• **Work order**:
Could you write out the opening lines of the data, word for word, stopping after the line that contains "#81=IFCINDEXEDPOLYGONALFACE((1,3,7,11,9,5));"?

• **Source material**:
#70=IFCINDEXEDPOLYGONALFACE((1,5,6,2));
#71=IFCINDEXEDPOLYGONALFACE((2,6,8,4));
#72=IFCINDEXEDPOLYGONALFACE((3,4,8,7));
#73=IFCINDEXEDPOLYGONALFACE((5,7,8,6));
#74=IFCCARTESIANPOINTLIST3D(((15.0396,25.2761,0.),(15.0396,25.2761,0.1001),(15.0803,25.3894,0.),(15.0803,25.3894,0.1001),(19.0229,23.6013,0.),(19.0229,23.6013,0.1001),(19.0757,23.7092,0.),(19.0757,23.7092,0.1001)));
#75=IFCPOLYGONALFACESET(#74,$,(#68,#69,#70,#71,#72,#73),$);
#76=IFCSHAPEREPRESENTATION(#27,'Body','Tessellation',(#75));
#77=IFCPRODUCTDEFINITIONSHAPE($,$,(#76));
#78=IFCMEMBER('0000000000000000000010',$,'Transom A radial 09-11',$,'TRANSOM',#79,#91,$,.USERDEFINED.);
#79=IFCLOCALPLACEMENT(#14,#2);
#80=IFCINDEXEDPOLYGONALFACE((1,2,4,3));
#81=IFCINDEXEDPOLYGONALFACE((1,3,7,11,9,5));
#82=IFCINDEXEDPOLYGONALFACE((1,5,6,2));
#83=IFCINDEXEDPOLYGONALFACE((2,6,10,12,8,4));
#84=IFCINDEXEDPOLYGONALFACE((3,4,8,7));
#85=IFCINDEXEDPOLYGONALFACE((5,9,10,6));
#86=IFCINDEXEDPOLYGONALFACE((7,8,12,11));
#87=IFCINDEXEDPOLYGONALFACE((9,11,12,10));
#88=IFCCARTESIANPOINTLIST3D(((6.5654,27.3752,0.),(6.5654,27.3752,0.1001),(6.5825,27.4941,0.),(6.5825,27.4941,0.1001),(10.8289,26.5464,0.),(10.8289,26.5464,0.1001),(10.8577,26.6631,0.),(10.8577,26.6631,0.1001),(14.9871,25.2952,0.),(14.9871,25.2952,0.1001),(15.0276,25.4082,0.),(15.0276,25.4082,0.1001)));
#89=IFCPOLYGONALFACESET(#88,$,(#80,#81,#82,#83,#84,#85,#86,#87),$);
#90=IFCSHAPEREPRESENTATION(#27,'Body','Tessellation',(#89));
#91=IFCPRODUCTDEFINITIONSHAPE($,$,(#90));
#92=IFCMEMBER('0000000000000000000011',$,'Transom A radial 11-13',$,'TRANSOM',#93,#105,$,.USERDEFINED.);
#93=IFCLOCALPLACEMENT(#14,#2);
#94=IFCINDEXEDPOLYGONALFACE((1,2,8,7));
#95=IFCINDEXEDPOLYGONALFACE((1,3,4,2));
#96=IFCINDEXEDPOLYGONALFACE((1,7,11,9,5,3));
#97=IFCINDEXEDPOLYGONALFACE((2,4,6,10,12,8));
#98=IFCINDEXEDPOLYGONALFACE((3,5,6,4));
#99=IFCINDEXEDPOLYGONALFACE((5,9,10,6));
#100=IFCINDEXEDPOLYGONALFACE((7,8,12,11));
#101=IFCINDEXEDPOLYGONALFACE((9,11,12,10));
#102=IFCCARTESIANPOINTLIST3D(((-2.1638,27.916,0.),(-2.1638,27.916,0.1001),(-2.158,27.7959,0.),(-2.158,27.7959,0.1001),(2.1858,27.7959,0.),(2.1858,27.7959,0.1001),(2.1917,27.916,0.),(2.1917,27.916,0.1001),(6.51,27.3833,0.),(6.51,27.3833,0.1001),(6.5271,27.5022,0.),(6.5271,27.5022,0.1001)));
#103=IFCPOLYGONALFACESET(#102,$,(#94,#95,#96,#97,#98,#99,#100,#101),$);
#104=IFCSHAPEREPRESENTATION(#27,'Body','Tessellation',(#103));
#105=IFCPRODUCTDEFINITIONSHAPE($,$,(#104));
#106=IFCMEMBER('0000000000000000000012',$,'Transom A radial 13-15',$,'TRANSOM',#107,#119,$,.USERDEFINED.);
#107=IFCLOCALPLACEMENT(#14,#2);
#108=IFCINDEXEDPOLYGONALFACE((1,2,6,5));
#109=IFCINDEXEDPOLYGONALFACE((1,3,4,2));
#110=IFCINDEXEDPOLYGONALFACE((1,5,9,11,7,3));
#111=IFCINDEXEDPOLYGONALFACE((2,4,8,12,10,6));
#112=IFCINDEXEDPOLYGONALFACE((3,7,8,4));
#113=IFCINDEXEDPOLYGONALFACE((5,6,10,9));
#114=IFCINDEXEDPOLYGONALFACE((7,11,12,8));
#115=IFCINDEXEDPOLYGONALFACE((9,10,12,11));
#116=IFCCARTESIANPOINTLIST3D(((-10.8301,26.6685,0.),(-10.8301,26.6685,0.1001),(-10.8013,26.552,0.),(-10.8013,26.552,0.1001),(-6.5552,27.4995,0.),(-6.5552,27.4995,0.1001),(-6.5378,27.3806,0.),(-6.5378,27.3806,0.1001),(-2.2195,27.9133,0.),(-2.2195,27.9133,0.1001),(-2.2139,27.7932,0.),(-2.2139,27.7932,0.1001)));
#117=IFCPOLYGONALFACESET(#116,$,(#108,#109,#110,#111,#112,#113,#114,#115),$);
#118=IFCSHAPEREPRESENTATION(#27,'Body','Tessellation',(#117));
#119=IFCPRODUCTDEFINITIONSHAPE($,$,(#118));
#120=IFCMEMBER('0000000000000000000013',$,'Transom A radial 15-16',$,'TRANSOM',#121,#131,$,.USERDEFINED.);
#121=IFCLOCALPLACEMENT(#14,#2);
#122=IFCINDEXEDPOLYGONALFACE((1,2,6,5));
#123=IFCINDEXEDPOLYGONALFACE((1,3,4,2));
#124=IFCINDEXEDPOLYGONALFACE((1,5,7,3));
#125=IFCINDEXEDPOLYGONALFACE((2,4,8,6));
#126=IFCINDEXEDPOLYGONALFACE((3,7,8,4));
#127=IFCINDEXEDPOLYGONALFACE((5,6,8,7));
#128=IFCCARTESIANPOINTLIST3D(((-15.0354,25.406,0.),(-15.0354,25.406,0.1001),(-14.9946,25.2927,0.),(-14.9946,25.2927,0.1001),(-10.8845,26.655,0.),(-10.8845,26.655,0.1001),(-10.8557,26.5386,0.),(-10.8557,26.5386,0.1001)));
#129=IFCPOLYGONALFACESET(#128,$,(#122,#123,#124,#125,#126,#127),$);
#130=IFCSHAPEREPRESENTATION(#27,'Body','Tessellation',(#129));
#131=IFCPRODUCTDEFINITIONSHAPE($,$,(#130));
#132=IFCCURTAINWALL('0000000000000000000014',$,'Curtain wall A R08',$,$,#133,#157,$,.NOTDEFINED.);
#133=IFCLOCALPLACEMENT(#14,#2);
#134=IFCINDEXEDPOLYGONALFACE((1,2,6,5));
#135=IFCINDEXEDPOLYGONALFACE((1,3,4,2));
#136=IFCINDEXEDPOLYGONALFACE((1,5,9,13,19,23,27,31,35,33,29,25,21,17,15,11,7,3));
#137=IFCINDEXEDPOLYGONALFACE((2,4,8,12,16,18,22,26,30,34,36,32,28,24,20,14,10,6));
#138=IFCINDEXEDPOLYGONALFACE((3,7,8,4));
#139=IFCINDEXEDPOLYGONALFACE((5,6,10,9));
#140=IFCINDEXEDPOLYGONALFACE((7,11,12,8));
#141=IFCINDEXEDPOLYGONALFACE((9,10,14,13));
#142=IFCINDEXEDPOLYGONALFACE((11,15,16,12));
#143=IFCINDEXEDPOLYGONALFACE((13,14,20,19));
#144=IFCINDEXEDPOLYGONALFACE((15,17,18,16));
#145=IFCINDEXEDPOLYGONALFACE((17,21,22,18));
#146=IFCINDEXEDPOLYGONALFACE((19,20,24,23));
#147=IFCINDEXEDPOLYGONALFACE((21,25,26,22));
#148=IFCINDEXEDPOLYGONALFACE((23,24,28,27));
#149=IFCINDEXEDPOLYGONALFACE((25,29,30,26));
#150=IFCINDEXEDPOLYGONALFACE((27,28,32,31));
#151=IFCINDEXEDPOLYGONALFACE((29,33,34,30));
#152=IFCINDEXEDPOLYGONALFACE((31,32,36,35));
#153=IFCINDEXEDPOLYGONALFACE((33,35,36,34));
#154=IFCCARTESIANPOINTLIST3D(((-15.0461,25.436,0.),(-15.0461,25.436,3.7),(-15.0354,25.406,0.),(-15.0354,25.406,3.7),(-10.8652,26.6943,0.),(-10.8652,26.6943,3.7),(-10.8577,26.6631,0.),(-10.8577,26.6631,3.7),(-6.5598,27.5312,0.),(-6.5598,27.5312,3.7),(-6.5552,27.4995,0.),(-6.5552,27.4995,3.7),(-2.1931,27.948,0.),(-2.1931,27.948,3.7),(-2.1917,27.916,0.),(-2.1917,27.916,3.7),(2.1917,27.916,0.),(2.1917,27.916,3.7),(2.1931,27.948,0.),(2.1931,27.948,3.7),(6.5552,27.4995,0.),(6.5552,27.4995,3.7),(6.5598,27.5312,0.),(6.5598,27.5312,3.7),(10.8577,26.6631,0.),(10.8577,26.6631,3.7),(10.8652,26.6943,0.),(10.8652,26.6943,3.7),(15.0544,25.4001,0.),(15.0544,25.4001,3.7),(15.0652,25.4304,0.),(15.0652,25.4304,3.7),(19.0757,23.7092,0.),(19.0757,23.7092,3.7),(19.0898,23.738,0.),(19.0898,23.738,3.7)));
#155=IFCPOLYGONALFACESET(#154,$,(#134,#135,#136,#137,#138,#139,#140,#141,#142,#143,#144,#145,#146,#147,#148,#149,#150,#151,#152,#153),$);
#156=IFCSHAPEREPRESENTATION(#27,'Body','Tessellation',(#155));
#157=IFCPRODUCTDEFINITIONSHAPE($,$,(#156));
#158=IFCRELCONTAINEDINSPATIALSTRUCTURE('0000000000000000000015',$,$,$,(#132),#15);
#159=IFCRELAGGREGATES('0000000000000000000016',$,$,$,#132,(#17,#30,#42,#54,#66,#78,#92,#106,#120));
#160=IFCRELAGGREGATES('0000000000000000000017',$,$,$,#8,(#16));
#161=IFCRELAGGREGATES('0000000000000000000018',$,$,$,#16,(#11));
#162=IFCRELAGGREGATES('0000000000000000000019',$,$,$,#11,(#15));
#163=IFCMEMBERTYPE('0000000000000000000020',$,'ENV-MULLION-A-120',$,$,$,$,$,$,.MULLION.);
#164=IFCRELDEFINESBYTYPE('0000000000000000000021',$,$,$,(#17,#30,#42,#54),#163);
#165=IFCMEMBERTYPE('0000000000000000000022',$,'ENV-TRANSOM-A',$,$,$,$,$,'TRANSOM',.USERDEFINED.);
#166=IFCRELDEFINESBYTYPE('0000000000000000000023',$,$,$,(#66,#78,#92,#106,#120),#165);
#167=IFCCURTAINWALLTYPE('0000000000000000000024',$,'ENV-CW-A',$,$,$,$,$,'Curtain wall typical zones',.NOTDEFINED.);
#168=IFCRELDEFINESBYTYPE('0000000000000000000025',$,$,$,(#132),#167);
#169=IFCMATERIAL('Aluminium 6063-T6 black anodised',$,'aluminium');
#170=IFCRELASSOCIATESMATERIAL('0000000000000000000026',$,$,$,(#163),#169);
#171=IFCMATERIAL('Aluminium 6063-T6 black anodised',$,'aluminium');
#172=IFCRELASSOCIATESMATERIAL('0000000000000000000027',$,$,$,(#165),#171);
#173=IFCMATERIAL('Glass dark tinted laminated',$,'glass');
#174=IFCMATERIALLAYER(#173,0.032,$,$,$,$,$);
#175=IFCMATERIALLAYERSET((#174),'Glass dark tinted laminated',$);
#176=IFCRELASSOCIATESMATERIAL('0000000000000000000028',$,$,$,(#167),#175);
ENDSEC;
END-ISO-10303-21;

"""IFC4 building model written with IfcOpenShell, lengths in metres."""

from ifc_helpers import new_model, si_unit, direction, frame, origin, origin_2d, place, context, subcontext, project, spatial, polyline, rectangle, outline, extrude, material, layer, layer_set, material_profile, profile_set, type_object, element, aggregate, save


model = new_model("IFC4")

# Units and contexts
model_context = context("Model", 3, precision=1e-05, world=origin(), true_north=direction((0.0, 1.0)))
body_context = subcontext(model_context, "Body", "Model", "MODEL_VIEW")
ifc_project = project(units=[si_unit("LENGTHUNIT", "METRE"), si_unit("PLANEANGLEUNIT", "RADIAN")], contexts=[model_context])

• **Task result**:
#70=IFCINDEXEDPOLYGONALFACE((1,5,6,2));
#71=IFCINDEXEDPOLYGONALFACE((2,6,8,4));
#72=IFCINDEXEDPOLYGONALFACE((3,4,8,7));
#73=IFCINDEXEDPOLYGONALFACE((5,7,8,6));
#74=IFCCARTESIANPOINTLIST3D(((15.0396,25.2761,0.),(15.0396,25.2761,0.1001),(15.0803,25.3894,0.),(15.0803,25.3894,0.1001),(19.0229,23.6013,0.),(19.0229,23.6013,0.1001),(19.0757,23.7092,0.),(19.0757,23.7092,0.1001)));
#75=IFCPOLYGONALFACESET(#74,$,(#68,#69,#70,#71,#72,#73),$);
#76=IFCSHAPEREPRESENTATION(#27,'Body','Tessellation',(#75));
#77=IFCPRODUCTDEFINITIONSHAPE($,$,(#76));
#78=IFCMEMBER('0000000000000000000010',$,'Transom A radial 09-11',$,'TRANSOM',#79,#91,$,.USERDEFINED.);
#79=IFCLOCALPLACEMENT(#14,#2);
#80=IFCINDEXEDPOLYGONALFACE((1,2,4,3));
#81=IFCINDEXEDPOLYGONALFACE((1,3,7,11,9,5));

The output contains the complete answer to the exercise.